_Problem statement_
Whenever a line in the data contains "SweptSolid", show that line.

Input for this task Block Start

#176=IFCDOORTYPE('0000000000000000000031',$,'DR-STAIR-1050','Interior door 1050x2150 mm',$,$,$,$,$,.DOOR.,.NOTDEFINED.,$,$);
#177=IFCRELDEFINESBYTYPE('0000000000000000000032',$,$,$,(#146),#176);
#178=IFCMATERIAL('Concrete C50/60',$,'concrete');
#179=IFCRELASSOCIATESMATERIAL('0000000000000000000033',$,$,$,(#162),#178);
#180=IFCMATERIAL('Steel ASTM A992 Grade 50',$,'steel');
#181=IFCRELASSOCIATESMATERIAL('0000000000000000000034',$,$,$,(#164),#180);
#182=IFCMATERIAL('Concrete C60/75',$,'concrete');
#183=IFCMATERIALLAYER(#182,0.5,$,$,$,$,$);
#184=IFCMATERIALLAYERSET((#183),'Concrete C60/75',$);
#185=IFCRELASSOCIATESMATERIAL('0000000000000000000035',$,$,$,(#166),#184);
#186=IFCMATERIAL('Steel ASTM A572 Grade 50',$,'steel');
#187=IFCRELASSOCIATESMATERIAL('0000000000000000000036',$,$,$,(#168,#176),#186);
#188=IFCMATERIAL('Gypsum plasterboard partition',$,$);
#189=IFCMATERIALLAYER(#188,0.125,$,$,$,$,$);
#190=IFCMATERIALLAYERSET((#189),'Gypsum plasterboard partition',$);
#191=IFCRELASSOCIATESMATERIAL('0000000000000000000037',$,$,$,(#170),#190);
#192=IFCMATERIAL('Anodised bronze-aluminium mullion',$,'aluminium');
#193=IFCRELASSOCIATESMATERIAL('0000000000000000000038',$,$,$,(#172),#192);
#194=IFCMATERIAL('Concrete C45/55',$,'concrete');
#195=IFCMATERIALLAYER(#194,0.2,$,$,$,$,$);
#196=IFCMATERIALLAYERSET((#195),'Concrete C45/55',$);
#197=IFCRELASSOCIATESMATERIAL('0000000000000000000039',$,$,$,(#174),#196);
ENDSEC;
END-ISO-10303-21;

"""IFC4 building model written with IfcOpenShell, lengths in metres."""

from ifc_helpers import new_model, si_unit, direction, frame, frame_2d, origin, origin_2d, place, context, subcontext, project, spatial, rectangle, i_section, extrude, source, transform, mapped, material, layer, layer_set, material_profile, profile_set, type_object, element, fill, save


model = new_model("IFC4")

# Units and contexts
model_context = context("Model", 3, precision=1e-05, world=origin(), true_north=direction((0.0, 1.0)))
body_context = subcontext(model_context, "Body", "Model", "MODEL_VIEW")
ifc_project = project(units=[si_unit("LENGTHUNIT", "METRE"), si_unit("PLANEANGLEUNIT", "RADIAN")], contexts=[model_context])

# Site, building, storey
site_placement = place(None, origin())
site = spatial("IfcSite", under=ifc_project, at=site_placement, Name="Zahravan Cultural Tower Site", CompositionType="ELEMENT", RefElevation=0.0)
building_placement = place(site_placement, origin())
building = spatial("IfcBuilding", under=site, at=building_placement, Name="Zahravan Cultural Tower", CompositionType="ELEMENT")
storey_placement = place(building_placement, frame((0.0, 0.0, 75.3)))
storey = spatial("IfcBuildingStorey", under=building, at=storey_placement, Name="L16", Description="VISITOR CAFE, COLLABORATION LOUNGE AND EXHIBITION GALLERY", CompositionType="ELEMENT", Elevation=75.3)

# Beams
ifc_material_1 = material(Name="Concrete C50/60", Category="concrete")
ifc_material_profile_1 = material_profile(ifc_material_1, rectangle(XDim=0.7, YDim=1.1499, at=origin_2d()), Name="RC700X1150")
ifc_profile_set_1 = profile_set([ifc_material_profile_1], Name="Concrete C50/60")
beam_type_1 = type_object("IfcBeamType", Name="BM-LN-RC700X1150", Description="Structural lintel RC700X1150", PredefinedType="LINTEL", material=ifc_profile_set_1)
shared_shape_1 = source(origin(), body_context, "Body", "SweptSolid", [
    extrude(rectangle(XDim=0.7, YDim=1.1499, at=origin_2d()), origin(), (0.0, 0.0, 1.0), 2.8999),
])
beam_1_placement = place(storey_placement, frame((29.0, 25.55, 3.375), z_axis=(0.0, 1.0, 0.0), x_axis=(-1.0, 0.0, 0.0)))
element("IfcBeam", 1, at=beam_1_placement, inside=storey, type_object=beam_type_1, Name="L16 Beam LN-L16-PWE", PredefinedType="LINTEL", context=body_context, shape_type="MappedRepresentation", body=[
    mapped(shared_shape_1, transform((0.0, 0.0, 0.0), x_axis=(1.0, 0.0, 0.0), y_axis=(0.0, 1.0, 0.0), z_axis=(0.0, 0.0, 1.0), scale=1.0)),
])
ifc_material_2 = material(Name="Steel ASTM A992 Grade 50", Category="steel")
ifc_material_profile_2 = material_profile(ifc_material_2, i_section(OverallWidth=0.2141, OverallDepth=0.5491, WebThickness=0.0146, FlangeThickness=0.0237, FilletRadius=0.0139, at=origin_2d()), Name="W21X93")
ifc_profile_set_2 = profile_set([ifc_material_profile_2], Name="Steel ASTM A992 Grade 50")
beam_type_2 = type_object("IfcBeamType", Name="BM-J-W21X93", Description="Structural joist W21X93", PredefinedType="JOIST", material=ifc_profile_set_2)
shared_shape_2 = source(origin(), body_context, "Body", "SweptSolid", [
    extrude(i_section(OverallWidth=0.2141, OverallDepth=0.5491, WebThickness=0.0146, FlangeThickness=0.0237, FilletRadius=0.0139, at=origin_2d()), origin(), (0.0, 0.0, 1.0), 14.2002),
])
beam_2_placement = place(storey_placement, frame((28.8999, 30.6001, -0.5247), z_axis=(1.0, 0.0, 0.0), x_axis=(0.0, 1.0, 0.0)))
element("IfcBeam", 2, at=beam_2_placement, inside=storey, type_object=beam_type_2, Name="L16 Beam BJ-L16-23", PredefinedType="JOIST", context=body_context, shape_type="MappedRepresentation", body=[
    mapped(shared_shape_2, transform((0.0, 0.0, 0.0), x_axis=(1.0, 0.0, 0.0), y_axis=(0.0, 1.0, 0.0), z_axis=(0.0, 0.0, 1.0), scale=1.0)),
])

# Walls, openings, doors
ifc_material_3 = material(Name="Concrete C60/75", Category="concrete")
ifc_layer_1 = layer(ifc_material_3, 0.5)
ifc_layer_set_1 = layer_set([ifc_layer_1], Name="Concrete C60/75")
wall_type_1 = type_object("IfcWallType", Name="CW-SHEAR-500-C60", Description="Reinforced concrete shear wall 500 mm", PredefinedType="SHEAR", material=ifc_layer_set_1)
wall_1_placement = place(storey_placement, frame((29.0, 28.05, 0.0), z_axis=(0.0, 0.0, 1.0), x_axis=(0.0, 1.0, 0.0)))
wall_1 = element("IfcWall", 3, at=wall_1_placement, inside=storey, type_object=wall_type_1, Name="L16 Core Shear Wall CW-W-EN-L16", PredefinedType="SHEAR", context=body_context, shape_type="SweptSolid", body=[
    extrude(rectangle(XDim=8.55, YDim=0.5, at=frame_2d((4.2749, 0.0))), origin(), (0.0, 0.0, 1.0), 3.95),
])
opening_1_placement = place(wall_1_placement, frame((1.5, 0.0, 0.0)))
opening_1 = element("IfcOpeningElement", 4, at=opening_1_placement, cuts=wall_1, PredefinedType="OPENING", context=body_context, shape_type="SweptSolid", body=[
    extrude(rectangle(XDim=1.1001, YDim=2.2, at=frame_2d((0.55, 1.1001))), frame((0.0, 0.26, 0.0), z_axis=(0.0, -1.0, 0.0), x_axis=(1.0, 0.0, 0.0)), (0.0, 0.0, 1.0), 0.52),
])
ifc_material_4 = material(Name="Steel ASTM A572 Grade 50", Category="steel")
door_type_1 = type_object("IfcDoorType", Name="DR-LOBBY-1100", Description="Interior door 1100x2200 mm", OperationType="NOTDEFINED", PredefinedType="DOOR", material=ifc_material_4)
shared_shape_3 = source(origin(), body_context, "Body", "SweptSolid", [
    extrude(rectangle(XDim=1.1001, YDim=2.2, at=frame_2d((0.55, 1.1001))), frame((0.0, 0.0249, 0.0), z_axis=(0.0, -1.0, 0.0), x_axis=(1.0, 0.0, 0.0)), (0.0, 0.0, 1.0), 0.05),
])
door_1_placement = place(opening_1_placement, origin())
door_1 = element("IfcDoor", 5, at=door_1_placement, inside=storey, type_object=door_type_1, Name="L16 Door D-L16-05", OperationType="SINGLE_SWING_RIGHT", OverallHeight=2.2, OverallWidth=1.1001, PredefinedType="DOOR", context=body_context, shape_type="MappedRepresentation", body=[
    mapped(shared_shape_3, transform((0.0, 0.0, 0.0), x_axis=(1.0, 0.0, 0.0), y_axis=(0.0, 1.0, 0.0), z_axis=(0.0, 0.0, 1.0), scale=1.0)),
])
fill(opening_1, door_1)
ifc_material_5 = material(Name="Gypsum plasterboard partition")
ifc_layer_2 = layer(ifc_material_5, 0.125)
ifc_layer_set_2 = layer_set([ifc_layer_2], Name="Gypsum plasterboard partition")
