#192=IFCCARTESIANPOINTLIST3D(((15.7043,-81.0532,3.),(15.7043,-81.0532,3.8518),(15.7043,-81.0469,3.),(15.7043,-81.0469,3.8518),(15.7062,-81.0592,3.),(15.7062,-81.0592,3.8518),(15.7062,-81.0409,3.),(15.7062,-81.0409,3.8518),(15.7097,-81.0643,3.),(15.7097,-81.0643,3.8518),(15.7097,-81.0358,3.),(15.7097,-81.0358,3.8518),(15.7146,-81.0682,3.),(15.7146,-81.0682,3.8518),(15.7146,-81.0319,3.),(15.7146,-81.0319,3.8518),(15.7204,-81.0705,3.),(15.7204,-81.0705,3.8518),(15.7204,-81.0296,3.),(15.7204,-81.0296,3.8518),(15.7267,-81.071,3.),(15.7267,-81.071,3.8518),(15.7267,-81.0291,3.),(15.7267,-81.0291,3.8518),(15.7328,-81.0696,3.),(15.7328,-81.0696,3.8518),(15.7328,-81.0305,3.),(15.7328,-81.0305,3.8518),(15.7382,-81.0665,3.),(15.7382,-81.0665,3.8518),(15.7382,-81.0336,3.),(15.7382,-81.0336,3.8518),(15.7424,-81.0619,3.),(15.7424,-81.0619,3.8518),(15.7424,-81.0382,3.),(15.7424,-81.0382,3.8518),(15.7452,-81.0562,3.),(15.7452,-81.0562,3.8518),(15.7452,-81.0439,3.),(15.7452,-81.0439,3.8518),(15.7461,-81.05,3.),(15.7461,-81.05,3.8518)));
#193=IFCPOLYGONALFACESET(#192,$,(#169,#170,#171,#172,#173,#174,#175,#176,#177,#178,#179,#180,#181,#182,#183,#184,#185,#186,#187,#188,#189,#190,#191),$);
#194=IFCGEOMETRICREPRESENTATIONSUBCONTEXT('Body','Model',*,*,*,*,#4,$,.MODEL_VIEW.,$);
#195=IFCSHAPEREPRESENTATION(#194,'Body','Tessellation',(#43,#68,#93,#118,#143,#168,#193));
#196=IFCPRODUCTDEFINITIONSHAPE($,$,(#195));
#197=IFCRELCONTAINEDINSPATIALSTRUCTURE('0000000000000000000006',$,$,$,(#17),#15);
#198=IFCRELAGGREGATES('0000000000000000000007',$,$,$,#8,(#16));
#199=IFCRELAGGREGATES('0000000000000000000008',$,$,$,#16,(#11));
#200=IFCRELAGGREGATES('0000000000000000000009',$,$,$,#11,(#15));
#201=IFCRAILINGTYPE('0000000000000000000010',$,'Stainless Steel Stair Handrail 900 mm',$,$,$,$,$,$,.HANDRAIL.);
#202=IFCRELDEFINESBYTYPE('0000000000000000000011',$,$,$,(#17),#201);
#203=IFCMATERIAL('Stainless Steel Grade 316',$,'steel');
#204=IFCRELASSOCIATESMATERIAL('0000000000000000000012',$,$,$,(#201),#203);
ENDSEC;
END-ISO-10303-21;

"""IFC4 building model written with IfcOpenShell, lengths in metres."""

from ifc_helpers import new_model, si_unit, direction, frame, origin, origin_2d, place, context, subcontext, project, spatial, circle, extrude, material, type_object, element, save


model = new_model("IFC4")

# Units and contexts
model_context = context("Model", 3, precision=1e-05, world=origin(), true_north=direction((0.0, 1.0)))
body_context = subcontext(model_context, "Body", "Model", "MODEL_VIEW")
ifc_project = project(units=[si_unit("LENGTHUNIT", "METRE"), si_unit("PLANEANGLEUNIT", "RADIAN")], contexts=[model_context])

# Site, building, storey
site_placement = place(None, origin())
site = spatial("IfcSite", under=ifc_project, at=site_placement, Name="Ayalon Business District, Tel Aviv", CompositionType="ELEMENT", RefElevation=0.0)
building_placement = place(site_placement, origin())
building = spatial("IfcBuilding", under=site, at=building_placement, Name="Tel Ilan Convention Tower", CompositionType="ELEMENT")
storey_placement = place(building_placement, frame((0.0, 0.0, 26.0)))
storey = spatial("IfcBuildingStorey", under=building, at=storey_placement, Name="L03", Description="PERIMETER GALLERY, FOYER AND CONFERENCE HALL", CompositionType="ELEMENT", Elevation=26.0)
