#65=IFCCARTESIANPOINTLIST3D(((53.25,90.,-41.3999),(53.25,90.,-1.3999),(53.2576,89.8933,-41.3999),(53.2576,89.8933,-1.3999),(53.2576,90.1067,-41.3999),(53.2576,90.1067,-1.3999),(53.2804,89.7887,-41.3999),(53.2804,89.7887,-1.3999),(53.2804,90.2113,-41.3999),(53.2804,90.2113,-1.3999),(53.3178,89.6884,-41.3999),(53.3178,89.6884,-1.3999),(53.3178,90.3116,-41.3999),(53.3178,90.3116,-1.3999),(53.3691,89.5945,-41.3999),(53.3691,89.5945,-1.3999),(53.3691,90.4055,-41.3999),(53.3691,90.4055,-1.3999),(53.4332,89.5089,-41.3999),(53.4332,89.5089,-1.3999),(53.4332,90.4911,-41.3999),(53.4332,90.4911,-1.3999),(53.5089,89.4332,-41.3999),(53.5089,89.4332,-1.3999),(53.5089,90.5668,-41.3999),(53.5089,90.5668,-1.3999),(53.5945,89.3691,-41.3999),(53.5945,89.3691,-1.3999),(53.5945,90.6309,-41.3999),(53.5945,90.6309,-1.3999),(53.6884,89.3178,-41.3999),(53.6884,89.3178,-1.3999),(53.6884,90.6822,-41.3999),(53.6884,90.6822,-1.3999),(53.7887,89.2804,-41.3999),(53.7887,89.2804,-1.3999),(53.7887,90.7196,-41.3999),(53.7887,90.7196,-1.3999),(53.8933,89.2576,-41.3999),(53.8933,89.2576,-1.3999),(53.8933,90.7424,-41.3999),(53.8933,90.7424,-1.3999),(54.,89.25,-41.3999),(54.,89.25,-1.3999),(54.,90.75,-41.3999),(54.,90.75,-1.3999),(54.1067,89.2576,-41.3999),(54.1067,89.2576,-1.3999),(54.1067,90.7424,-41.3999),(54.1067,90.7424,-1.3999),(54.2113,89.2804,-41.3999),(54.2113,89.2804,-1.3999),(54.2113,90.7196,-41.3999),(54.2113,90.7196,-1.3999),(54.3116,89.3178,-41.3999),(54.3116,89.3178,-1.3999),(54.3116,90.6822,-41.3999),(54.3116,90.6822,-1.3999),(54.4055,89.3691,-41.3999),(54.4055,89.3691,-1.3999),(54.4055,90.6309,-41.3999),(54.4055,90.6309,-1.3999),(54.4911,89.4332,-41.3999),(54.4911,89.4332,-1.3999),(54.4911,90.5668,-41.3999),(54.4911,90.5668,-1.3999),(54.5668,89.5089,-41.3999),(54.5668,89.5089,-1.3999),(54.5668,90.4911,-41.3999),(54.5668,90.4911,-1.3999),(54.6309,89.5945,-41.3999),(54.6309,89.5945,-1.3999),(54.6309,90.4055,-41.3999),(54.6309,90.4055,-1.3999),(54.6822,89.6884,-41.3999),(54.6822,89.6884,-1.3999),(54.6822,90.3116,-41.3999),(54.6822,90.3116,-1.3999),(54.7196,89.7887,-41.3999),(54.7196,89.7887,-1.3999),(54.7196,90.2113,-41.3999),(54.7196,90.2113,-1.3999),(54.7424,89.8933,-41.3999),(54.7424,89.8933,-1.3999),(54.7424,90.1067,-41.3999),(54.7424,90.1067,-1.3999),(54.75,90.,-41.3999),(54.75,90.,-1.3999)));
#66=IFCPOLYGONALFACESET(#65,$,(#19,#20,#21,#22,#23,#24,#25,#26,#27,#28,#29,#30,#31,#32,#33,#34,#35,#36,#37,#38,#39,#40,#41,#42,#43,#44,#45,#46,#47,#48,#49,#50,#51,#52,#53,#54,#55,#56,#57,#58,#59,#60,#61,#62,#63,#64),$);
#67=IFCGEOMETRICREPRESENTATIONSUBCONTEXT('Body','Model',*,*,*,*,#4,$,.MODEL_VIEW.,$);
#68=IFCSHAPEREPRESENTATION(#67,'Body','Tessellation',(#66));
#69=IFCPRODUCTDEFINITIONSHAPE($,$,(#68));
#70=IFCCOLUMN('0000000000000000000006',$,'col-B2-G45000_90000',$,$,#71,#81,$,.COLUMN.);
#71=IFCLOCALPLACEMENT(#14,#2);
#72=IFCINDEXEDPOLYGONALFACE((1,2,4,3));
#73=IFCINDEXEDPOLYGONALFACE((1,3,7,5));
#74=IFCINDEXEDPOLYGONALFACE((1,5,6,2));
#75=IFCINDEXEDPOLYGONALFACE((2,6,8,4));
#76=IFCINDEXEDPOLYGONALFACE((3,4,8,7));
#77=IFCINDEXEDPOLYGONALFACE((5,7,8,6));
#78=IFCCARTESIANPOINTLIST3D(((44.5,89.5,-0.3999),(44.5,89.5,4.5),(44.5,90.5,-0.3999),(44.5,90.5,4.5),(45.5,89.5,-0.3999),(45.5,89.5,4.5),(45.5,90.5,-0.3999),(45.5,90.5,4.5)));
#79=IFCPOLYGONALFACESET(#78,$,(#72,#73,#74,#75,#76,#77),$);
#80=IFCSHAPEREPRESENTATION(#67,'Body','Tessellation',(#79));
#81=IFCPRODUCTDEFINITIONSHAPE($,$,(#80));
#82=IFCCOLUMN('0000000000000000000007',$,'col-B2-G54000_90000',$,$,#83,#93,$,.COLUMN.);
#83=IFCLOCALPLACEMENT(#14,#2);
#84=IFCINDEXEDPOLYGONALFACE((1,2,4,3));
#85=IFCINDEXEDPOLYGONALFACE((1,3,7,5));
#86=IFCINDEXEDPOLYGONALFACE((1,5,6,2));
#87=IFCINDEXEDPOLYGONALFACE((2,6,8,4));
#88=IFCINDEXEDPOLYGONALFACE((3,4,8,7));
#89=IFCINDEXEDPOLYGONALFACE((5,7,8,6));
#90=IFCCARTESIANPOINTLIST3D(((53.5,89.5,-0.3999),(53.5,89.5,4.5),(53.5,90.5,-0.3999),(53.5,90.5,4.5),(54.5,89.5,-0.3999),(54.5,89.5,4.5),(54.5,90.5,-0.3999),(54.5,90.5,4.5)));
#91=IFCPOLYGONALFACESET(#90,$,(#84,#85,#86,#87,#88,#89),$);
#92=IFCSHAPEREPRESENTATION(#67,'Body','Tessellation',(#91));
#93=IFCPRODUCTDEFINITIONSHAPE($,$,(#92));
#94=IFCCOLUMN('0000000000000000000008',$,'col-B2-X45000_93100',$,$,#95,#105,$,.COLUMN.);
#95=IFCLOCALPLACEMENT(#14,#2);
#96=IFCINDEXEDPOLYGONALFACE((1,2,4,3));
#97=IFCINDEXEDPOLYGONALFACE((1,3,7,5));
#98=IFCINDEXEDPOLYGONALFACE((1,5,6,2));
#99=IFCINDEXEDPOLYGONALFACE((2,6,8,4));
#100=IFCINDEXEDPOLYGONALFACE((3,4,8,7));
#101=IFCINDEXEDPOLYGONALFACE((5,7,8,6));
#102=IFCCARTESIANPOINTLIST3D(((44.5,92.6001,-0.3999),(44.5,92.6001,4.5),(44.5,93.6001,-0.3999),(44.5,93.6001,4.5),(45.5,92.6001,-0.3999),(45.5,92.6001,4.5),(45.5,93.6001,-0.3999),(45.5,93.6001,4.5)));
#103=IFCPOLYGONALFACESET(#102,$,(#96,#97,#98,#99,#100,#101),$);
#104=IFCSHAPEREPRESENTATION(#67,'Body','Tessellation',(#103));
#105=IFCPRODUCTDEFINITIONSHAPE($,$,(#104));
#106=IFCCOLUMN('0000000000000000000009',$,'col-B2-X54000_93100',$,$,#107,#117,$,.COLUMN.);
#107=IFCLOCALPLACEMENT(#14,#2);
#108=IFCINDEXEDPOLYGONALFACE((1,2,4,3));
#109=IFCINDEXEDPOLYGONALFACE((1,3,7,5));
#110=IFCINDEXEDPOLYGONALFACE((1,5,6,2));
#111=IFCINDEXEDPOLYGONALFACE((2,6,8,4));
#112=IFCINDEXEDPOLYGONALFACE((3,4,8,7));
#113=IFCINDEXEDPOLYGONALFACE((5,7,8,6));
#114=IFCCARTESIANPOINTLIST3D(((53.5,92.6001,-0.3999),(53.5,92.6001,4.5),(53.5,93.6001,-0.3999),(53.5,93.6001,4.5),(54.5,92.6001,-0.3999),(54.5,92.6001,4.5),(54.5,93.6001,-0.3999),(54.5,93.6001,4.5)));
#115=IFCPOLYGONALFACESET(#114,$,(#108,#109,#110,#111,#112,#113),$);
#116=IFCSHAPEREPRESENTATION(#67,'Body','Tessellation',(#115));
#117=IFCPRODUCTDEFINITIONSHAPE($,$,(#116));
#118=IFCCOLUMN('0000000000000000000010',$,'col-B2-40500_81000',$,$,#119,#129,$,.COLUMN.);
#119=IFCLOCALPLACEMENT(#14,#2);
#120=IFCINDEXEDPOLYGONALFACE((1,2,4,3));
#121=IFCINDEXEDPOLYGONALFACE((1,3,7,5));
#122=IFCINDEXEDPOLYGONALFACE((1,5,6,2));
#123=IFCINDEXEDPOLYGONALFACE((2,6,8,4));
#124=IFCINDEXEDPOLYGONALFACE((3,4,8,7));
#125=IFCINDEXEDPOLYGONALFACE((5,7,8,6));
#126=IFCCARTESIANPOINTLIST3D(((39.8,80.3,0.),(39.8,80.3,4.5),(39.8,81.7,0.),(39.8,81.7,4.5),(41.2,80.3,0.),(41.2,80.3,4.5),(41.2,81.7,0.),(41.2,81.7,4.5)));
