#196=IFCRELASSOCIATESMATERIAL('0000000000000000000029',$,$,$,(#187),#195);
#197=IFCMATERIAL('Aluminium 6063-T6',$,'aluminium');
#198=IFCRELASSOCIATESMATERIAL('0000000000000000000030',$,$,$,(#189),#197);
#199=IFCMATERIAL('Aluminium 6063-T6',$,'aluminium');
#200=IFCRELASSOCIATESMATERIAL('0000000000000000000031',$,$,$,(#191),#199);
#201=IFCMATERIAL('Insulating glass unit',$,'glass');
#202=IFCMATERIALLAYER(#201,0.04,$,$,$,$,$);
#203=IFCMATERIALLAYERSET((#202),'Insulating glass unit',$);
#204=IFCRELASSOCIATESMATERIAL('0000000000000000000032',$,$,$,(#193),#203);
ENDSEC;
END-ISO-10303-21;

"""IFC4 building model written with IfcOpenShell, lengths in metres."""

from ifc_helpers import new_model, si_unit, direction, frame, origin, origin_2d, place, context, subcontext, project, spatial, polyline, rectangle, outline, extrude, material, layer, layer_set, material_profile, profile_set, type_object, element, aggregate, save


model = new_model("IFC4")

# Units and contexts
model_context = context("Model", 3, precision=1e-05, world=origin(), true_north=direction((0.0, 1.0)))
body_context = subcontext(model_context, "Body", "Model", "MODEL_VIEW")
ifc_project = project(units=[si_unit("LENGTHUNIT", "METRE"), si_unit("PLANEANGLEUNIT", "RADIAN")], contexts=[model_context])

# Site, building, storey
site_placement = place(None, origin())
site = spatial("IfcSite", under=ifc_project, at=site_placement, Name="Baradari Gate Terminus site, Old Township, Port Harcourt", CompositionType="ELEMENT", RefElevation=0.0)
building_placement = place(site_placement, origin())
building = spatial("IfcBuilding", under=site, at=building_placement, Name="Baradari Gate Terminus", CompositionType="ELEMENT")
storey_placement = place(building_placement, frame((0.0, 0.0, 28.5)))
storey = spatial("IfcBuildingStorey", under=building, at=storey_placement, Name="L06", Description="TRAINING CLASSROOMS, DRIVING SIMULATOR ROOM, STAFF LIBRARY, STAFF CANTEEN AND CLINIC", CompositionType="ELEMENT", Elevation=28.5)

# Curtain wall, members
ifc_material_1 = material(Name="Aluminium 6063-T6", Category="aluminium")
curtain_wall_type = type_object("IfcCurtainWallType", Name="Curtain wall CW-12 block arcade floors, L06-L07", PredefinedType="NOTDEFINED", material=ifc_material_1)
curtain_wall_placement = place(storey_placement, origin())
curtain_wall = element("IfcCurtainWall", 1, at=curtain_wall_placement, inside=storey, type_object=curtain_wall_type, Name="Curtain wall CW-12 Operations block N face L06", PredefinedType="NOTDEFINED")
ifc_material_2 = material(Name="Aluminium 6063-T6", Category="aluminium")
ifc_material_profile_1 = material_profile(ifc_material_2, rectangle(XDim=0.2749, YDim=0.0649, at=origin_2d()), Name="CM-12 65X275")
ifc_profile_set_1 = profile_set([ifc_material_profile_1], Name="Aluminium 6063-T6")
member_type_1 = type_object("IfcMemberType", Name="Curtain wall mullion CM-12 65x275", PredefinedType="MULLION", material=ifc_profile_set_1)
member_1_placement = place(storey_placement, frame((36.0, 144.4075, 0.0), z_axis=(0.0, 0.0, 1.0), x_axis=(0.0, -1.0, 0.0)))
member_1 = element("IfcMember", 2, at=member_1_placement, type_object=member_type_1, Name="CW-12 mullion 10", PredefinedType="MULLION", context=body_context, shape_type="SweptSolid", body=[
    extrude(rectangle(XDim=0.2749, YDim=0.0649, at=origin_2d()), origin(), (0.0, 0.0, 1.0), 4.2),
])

Input for this task Block End

_Solved problem_
shared_shape_1 = source(origin(), body_context, "Body", "SweptSolid", [
shared_shape_2 = source(origin(), body_context, "Body", "SweptSolid", [
wall_1 = element("IfcWall", 3, at=wall_1_placement, inside=storey, type_object=wall_type_1, Name="L16 Core Shear Wall CW-W-EN-L16", PredefinedType="SHEAR", context=body_context, shape_type="SweptSolid", body=[
opening_1 = element("IfcOpeningElement", 4, at=opening_1_placement, cuts=wall_1, PredefinedType="OPENING", context=body_context, shape_type="SweptSolid", body=[
shared_shape_3 = source(origin(), body_context, "Body", "SweptSolid", [
member_1 = element("IfcMember", 2, at=member_1_placement, type_object=member_type_1, Name="CW-12 mullion 10", PredefinedType="MULLION", context=body_context, shape_type="SweptSolid", body=[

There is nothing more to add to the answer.